What is needed: The output is the lines below from the one with "#125=IFCRELAGGREGATES('0000000000000000000009',$,$,$,#11,(#15));" through the one with "site_placement = place(None, origin())", both included, printed exactly and with no other line.
########################################
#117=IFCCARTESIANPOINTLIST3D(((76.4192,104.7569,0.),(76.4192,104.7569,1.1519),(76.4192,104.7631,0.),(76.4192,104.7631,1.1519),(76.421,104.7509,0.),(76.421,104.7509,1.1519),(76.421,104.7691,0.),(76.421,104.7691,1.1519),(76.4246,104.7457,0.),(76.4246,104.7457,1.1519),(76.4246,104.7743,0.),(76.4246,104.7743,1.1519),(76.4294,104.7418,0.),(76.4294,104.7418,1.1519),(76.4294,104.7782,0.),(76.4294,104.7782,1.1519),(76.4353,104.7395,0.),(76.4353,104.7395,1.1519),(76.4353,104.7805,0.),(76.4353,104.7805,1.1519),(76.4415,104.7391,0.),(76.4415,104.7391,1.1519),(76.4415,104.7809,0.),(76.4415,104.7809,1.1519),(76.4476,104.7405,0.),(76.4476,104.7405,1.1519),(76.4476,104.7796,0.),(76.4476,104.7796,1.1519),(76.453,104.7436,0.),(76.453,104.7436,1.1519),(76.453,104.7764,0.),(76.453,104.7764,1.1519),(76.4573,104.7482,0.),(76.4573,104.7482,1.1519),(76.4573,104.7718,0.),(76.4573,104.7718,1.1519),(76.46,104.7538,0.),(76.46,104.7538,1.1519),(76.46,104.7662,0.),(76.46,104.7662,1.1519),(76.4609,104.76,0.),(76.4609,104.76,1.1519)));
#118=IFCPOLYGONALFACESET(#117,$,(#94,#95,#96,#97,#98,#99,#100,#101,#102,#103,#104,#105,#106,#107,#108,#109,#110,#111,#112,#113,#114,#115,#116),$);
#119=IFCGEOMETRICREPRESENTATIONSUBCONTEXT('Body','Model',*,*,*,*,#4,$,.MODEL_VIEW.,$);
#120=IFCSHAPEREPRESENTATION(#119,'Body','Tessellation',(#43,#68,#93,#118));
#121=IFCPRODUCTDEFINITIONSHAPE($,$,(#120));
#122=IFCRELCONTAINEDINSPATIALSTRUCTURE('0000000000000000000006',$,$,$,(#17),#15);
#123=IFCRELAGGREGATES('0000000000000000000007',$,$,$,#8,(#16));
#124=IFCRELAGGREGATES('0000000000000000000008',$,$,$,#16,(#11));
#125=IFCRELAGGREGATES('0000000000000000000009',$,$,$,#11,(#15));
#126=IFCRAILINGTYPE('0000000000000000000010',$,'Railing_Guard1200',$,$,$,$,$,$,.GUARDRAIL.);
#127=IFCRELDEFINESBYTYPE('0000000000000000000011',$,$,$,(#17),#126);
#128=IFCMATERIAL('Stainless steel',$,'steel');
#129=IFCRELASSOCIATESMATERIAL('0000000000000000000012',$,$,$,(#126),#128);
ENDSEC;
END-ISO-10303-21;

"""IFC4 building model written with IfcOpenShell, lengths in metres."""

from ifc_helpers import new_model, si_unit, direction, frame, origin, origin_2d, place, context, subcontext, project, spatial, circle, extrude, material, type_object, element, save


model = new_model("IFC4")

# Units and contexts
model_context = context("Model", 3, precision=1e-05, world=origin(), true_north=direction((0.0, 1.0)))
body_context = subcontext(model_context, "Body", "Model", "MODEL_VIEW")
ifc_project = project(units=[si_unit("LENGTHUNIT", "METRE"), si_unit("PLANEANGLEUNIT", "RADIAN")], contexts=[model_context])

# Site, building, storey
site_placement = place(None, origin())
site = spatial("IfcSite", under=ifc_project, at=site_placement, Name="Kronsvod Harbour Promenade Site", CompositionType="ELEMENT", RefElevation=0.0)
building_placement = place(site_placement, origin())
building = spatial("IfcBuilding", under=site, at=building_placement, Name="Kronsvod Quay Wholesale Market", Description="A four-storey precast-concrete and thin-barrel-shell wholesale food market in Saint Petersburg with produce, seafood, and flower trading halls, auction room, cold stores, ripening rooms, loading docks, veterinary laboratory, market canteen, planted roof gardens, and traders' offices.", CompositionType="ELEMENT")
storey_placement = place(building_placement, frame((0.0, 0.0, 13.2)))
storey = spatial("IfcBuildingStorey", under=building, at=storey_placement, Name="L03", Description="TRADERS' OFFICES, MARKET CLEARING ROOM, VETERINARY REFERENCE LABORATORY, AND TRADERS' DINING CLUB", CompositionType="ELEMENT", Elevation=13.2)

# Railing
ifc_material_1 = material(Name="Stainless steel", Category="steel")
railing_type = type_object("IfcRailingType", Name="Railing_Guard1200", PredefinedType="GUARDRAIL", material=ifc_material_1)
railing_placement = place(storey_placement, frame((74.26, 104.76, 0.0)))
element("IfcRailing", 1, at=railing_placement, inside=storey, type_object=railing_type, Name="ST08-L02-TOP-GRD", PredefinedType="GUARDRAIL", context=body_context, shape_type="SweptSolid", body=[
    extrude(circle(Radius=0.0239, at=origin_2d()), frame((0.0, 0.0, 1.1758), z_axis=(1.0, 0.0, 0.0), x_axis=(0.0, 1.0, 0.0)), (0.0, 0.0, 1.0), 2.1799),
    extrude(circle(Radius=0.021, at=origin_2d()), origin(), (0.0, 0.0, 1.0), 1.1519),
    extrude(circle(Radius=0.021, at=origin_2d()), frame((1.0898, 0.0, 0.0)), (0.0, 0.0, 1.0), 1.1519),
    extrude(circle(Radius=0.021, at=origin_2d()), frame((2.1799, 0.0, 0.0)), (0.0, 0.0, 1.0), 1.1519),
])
########################################
Task result:
#125=IFCRELAGGREGATES('0000000000000000000009',$,$,$,#11,(#15));
#126=IFCRAILINGTYPE('0000000000000000000010',$,'Railing_Guard1200',$,$,$,$,$,$,.GUARDRAIL.);
#127=IFCRELDEFINESBYTYPE('0000000000000000000011',$,$,$,(#17),#126);
#128=IFCMATERIAL('Stainless steel',$,'steel');
#129=IFCRELASSOCIATESMATERIAL('0000000000000000000012',$,$,$,(#126),#128);
ENDSEC;
END-ISO-10303-21;

"""IFC4 building model written with IfcOpenShell, lengths in metres."""

from ifc_helpers import new_model, si_unit, direction, frame, origin, origin_2d, place, context, subcontext, project, spatial, circle, extrude, material, type_object, element, save


model = new_model("IFC4")

# Units and contexts
model_context = context("Model", 3, precision=1e-05, world=origin(), true_north=direction((0.0, 1.0)))
body_context = subcontext(model_context, "Body", "Model", "MODEL_VIEW")
ifc_project = project(units=[si_unit("LENGTHUNIT", "METRE"), si_unit("PLANEANGLEUNIT", "RADIAN")], contexts=[model_context])

# Site, building, storey
site_placement = place(None, origin())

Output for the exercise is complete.